● **Assigned task**: Your task is to repeat the entries exactly from their first line through the line with "frame((23.7949, 37.125, 3.3)))", and to stop there.

*** Supplied data Section Begins ***

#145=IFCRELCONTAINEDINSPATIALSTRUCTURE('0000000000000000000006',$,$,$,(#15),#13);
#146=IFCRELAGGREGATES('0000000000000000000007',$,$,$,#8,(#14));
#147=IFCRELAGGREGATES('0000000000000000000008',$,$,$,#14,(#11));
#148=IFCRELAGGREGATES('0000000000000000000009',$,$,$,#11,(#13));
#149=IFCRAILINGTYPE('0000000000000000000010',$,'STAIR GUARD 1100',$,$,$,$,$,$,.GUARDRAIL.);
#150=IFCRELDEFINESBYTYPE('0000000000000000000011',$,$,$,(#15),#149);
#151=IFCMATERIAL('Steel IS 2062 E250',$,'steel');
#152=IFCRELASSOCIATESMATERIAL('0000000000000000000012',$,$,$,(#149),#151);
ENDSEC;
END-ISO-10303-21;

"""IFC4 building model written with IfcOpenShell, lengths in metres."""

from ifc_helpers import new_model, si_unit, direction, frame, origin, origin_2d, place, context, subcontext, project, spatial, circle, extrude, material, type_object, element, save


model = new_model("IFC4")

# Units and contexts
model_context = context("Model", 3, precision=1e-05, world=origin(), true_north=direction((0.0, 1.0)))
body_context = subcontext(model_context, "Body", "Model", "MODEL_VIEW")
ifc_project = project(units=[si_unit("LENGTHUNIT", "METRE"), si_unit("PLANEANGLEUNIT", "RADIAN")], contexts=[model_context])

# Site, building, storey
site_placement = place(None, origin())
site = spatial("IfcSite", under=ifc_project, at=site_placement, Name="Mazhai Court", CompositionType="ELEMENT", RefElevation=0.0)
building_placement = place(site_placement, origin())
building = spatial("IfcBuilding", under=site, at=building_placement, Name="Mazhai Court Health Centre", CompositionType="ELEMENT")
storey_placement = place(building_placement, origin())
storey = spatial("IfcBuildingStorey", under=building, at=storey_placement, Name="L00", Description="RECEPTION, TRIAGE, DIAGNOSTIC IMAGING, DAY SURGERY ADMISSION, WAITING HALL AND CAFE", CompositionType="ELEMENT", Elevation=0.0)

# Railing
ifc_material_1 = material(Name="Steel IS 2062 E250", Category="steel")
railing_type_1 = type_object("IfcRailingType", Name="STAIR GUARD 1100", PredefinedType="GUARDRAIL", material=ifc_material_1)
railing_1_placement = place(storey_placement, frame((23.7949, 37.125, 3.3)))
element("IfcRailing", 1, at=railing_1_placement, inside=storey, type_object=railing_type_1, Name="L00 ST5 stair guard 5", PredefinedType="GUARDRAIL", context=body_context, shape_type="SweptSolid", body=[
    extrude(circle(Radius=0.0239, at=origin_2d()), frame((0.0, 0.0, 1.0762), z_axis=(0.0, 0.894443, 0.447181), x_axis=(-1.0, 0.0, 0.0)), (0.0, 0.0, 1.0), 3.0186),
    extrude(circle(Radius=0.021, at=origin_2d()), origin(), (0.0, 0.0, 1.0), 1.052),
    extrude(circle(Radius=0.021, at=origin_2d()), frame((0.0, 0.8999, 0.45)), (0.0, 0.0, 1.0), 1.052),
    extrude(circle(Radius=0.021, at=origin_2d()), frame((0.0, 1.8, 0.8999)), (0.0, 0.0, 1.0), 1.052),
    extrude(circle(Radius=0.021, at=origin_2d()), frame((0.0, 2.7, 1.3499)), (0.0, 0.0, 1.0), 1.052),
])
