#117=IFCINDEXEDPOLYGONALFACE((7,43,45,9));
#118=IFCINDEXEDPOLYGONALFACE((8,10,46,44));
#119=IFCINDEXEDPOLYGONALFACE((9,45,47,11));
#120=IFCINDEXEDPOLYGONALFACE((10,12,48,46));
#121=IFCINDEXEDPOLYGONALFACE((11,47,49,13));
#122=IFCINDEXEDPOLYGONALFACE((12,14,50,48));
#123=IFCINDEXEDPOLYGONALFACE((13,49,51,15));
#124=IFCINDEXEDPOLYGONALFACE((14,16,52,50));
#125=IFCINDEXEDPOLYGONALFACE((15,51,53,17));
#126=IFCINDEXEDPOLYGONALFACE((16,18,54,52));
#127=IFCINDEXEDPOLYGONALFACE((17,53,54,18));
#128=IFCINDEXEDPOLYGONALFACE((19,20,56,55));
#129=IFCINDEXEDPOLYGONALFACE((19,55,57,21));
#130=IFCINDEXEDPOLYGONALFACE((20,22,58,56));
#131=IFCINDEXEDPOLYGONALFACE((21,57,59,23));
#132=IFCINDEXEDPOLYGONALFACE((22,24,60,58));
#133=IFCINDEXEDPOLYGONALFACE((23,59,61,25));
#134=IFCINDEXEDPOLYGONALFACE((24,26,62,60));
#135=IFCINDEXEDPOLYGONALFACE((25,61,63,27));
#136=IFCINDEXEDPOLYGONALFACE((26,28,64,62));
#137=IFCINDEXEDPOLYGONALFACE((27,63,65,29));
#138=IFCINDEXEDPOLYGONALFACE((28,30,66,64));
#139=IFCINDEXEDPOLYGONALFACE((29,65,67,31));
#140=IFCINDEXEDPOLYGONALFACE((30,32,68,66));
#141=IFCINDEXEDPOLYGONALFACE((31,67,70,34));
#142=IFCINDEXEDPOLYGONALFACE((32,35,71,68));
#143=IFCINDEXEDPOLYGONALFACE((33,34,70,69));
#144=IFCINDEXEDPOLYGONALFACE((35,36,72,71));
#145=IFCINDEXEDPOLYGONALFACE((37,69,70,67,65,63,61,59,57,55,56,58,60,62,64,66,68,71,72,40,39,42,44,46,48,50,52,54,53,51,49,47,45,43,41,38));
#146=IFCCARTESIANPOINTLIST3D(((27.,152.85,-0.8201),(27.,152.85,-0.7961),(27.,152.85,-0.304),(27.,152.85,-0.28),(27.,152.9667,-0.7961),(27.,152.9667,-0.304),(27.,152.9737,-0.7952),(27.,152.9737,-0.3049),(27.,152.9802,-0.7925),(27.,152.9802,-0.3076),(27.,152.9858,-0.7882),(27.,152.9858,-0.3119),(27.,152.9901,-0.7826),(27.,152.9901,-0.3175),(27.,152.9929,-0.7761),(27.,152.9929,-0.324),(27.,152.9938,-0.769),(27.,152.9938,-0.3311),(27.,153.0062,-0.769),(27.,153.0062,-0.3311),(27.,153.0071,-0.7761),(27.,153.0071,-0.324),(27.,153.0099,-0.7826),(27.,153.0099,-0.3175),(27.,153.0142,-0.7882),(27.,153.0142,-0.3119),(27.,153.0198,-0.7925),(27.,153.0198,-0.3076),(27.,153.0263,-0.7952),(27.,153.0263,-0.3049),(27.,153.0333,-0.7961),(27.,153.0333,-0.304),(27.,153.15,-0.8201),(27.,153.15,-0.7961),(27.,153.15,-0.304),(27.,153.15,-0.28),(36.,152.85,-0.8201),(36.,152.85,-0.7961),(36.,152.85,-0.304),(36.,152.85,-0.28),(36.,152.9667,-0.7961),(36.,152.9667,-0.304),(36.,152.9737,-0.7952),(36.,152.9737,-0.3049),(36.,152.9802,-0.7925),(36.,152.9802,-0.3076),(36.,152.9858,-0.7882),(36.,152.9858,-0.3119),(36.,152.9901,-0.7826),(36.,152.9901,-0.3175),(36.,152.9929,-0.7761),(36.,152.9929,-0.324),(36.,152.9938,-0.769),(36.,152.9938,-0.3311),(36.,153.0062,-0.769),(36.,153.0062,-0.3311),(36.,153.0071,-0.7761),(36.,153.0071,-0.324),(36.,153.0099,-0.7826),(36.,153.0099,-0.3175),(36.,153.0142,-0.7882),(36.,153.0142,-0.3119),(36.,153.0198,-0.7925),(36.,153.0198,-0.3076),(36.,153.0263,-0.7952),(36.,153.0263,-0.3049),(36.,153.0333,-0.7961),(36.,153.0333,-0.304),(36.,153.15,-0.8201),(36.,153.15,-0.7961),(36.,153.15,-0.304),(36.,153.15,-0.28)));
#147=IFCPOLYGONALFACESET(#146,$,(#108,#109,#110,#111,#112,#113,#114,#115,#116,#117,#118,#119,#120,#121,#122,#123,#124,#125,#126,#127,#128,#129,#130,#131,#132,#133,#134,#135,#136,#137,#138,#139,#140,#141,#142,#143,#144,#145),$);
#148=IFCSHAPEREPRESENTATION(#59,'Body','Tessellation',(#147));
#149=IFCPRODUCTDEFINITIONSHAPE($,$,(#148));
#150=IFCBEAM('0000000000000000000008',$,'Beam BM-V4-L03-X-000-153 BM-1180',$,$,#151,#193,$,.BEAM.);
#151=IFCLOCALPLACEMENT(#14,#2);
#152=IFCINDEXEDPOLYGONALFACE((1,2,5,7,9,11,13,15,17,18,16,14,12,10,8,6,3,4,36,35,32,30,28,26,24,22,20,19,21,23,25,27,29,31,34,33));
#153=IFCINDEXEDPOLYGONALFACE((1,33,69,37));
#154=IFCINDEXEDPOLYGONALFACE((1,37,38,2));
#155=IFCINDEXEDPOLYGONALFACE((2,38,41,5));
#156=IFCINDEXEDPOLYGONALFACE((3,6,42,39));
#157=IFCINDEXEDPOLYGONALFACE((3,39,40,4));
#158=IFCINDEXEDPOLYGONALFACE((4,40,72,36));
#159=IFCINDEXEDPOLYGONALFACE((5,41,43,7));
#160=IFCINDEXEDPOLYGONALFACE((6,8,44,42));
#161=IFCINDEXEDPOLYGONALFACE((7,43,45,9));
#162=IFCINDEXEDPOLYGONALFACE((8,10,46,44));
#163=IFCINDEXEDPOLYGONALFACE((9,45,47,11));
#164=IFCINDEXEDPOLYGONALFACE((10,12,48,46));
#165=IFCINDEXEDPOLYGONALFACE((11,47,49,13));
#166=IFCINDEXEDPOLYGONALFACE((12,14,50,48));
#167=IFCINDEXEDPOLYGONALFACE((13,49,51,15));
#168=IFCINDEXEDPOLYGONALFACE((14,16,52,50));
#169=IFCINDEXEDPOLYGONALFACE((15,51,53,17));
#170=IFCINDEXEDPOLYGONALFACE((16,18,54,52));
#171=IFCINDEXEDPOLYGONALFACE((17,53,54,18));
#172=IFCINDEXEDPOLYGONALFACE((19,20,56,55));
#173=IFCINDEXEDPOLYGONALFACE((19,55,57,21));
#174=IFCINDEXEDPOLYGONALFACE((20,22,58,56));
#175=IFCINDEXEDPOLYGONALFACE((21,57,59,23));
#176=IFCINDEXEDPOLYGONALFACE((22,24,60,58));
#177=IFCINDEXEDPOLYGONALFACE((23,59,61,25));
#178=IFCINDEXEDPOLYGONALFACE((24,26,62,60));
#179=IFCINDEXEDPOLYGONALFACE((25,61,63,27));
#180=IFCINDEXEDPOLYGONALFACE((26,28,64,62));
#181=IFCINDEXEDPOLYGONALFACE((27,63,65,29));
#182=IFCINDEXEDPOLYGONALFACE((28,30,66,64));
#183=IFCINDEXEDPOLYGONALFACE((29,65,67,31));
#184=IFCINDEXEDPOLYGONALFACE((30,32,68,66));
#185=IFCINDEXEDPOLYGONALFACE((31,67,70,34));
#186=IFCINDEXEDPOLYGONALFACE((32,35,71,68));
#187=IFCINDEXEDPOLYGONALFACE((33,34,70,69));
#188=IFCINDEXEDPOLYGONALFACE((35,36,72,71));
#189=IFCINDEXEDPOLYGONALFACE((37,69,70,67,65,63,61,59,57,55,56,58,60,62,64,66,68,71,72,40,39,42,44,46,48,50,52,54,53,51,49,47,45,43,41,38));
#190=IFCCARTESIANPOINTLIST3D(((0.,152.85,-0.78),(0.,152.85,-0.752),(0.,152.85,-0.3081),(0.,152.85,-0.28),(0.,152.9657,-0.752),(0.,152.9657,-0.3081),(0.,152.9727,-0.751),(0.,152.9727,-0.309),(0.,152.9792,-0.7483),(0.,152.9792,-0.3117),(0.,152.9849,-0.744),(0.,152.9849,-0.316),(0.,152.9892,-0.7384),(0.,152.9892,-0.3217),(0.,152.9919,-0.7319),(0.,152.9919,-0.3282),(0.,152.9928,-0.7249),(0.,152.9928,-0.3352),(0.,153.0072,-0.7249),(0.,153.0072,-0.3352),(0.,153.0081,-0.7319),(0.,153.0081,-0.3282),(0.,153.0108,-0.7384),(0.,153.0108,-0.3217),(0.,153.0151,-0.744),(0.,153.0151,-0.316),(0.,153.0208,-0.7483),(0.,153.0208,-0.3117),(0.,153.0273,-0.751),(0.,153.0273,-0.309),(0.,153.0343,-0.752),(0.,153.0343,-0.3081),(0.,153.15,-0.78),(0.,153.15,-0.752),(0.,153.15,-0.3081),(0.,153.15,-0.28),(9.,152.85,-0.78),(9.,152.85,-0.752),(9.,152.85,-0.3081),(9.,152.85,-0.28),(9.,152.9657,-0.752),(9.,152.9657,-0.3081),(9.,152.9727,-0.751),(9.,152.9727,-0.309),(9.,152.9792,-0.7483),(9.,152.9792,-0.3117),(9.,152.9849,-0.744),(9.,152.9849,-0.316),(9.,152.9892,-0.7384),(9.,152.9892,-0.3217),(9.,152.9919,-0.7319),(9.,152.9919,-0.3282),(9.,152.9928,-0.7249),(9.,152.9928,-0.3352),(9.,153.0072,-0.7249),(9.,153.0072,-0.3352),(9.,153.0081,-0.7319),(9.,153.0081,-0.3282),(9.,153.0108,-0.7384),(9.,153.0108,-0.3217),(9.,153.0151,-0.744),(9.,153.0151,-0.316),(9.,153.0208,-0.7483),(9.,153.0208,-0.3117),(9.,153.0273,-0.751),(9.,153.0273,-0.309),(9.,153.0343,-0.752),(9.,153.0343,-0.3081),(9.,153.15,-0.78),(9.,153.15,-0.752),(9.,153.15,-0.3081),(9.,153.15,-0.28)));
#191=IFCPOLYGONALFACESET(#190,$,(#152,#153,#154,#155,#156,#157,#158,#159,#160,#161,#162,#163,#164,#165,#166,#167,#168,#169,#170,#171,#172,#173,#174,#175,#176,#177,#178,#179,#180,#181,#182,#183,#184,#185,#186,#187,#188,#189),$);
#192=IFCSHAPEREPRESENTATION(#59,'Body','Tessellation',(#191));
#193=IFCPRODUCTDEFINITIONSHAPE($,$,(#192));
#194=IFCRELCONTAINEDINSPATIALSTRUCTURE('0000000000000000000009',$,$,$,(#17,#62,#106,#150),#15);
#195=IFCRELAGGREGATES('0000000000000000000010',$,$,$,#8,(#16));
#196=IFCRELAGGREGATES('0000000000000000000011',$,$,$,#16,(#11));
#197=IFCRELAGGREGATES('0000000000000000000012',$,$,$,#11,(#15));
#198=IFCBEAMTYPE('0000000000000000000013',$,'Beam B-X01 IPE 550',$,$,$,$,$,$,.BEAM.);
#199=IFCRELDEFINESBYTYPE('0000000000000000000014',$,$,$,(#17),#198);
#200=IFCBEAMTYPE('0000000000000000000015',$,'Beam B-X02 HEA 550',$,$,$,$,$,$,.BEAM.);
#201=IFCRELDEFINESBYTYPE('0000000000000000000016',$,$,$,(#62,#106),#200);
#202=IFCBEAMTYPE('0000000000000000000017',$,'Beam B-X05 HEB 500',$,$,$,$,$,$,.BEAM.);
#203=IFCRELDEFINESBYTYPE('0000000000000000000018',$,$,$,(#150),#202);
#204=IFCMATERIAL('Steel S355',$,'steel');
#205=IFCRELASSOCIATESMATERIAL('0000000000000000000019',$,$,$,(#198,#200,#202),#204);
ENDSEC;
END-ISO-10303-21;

*** Supplied data Section Ends ***

● **Answer section**:
#145=IFCRELCONTAINEDINSPATIALSTRUCTURE('0000000000000000000006',$,$,$,(#15),#13);
#146=IFCRELAGGREGATES('0000000000000000000007',$,$,$,#8,(#14));
#147=IFCRELAGGREGATES('0000000000000000000008',$,$,$,#14,(#11));
#148=IFCRELAGGREGATES('0000000000000000000009',$,$,$,#11,(#13));
#149=IFCRAILINGTYPE('0000000000000000000010',$,'STAIR GUARD 1100',$,$,$,$,$,$,.GUARDRAIL.);
#150=IFCRELDEFINESBYTYPE('0000000000000000000011',$,$,$,(#15),#149);
#151=IFCMATERIAL('Steel IS 2062 E250',$,'steel');
#152=IFCRELASSOCIATESMATERIAL('0000000000000000000012',$,$,$,(#149),#151);
ENDSEC;
END-ISO-10303-21;

"""IFC4 building model written with IfcOpenShell, lengths in metres."""

from ifc_helpers import new_model, si_unit, direction, frame, origin, origin_2d, place, context, subcontext, project, spatial, circle, extrude, material, type_object, element, save


model = new_model("IFC4")

# Units and contexts
model_context = context("Model", 3, precision=1e-05, world=origin(), true_north=direction((0.0, 1.0)))
body_context = subcontext(model_context, "Body", "Model", "MODEL_VIEW")
ifc_project = project(units=[si_unit("LENGTHUNIT", "METRE"), si_unit("PLANEANGLEUNIT", "RADIAN")], contexts=[model_context])

# Site, building, storey
site_placement = place(None, origin())
site = spatial("IfcSite", under=ifc_project, at=site_placement, Name="Mazhai Court", CompositionType="ELEMENT", RefElevation=0.0)
building_placement = place(site_placement, origin())
building = spatial("IfcBuilding", under=site, at=building_placement, Name="Mazhai Court Health Centre", CompositionType="ELEMENT")
storey_placement = place(building_placement, origin())
storey = spatial("IfcBuildingStorey", under=building, at=storey_placement, Name="L00", Description="RECEPTION, TRIAGE, DIAGNOSTIC IMAGING, DAY SURGERY ADMISSION, WAITING HALL AND CAFE", CompositionType="ELEMENT", Elevation=0.0)

# Railing
ifc_material_1 = material(Name="Steel IS 2062 E250", Category="steel")
railing_type_1 = type_object("IfcRailingType", Name="STAIR GUARD 1100", PredefinedType="GUARDRAIL", material=ifc_material_1)
railing_1_placement = place(storey_placement, frame((23.7949, 37.125, 3.3)))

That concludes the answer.